**Try it**
Copy out each line of the data below in which the string "Bronze" appears.

(Data supplied Opens)

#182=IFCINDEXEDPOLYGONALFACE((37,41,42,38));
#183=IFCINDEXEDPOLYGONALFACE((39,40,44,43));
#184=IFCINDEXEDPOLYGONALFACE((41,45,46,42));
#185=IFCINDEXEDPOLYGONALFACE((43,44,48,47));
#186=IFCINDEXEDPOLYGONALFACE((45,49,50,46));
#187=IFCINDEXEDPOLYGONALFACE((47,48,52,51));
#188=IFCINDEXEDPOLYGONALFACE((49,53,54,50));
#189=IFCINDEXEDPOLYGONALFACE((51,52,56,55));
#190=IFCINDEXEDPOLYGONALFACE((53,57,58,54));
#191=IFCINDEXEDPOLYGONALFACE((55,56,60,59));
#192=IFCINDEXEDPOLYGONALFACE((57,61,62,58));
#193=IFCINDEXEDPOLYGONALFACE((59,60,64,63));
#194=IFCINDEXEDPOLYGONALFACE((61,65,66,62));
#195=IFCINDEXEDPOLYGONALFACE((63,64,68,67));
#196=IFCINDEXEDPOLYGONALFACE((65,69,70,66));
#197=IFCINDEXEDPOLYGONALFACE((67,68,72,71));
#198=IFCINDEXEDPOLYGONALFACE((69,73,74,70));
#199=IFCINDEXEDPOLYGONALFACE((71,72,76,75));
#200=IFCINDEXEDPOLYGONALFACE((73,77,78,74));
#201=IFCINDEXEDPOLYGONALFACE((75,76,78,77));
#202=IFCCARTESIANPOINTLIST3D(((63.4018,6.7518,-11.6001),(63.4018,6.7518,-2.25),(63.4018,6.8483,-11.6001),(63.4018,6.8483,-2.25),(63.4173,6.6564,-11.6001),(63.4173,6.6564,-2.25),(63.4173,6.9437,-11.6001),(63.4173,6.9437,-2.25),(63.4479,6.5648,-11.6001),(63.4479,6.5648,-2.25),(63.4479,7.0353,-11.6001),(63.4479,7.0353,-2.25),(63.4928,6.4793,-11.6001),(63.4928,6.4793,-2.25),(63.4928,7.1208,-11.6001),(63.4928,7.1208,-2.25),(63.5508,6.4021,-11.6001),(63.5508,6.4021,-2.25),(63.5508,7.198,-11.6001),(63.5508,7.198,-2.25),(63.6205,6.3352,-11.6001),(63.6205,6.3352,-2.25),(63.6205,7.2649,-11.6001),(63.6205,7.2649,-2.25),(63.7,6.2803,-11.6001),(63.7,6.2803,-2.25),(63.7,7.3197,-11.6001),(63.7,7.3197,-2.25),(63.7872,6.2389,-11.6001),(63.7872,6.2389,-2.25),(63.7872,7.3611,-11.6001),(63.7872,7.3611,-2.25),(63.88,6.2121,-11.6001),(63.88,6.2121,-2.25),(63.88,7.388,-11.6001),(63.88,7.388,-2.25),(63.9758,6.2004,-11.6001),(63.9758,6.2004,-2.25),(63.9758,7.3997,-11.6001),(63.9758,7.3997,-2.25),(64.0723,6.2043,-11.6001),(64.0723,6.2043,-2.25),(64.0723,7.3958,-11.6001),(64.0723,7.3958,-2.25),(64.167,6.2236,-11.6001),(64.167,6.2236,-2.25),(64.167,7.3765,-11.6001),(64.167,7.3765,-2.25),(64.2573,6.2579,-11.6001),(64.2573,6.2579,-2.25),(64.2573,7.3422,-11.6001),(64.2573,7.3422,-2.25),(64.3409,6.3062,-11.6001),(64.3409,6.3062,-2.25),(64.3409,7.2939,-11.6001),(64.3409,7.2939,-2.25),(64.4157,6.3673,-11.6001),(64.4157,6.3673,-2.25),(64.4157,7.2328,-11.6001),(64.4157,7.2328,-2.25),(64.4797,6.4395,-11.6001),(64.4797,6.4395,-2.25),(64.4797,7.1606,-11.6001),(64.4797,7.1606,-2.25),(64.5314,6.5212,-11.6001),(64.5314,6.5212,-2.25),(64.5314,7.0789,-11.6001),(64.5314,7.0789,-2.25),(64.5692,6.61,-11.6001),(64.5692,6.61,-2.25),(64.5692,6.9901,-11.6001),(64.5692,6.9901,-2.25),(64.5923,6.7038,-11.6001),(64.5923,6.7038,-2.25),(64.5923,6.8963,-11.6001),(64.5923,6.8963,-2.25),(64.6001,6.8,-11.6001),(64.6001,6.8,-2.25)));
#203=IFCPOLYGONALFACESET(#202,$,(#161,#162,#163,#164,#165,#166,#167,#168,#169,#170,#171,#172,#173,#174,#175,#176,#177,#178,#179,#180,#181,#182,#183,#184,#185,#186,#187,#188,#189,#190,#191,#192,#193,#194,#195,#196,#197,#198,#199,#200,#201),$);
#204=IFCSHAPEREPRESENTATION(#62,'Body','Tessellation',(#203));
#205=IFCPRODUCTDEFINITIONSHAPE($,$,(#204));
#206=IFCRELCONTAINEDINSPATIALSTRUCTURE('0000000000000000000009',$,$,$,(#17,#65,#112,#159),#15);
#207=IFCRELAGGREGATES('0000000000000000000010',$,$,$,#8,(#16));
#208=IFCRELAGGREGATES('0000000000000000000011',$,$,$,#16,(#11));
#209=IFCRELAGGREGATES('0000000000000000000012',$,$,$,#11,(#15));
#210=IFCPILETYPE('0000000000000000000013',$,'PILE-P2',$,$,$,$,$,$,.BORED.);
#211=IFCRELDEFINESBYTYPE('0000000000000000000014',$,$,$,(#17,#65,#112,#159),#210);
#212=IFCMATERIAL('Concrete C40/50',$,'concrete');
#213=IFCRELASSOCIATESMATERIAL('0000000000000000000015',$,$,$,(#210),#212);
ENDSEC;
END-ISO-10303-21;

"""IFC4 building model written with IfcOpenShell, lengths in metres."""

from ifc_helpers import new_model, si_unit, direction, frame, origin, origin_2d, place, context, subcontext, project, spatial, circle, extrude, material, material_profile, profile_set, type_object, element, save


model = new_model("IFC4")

(Data supplied Closes)
(Data supplied Opens)

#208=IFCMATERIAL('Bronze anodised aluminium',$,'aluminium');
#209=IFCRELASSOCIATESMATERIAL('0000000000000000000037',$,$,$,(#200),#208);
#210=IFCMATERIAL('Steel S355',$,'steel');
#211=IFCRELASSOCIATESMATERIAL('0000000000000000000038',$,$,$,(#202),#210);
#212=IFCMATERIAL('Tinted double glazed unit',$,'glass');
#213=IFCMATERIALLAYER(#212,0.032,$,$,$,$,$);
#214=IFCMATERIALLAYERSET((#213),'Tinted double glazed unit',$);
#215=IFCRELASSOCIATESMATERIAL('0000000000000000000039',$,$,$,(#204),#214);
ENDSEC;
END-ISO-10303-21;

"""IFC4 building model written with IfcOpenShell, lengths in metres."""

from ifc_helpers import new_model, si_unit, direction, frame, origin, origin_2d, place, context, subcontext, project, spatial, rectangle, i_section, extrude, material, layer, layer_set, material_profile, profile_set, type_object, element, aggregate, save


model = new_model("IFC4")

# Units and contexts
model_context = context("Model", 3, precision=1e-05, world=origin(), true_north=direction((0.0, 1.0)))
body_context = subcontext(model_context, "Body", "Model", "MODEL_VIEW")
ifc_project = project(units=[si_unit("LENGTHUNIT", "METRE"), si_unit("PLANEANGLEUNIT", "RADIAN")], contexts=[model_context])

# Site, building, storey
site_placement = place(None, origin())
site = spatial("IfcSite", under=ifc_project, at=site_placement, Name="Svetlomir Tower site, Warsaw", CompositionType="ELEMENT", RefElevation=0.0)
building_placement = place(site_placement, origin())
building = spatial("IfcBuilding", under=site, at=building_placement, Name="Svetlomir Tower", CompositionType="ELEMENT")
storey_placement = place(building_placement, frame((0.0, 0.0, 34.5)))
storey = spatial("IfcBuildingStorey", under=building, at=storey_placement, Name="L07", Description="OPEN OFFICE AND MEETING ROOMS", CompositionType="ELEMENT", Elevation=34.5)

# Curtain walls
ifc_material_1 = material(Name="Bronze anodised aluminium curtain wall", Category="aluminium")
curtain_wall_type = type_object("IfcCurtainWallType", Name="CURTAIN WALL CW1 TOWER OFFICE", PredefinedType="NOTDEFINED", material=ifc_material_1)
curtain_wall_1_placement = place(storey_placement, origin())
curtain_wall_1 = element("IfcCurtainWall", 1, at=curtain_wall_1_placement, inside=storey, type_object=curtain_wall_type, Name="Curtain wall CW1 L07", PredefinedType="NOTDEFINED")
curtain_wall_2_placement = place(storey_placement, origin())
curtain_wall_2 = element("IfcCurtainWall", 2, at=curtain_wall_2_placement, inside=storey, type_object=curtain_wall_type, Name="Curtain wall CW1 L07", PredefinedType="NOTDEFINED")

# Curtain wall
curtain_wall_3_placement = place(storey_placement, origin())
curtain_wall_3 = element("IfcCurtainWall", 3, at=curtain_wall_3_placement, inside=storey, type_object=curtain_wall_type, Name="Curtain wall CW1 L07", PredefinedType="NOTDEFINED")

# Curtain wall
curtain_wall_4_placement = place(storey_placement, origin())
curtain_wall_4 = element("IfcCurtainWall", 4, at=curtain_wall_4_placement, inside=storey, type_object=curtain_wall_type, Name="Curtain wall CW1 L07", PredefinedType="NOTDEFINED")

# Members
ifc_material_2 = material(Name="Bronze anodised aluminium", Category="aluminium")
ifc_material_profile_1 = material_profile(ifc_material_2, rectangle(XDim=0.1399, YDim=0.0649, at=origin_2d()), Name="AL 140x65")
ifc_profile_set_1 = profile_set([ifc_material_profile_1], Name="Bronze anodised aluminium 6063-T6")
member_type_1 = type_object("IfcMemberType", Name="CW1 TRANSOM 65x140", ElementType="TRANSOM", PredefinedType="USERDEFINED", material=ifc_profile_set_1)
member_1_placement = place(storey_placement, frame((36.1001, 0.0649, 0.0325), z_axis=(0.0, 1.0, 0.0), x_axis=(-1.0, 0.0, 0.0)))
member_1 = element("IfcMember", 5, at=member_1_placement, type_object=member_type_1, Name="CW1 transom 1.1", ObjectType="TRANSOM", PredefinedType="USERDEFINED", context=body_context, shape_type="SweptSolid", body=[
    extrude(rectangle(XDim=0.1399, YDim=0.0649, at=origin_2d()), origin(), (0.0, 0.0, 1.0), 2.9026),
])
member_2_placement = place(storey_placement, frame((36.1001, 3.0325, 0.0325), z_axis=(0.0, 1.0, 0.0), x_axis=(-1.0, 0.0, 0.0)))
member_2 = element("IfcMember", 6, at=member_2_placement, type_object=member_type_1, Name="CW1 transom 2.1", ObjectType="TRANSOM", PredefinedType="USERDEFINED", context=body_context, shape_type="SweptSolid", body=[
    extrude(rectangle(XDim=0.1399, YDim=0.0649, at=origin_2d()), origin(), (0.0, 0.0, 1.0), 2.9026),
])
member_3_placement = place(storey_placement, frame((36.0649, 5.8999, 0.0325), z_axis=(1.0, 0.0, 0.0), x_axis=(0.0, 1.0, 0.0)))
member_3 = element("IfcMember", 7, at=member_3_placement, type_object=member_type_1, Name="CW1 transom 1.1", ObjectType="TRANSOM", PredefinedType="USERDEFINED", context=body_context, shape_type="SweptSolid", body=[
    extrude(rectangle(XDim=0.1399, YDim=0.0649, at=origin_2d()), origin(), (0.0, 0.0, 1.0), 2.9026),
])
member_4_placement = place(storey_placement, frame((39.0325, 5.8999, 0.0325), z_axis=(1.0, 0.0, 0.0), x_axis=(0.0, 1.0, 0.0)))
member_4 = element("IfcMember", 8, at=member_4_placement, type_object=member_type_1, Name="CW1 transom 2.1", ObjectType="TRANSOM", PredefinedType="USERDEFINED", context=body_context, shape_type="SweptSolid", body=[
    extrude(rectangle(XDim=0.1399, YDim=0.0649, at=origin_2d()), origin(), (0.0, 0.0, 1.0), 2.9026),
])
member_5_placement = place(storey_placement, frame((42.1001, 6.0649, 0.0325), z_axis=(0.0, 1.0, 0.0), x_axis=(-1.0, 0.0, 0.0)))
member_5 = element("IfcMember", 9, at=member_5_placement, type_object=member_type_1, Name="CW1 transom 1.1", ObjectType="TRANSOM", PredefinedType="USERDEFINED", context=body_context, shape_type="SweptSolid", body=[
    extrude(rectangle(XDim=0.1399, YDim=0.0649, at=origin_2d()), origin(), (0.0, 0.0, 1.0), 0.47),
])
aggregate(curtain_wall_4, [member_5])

(Data supplied Closes)

**Task solution**
#208=IFCMATERIAL('Bronze anodised aluminium',$,'aluminium');
ifc_material_1 = material(Name="Bronze anodised aluminium curtain wall", Category="aluminium")
ifc_material_2 = material(Name="Bronze anodised aluminium", Category="aluminium")
ifc_profile_set_1 = profile_set([ifc_material_profile_1], Name="Bronze anodised aluminium 6063-T6")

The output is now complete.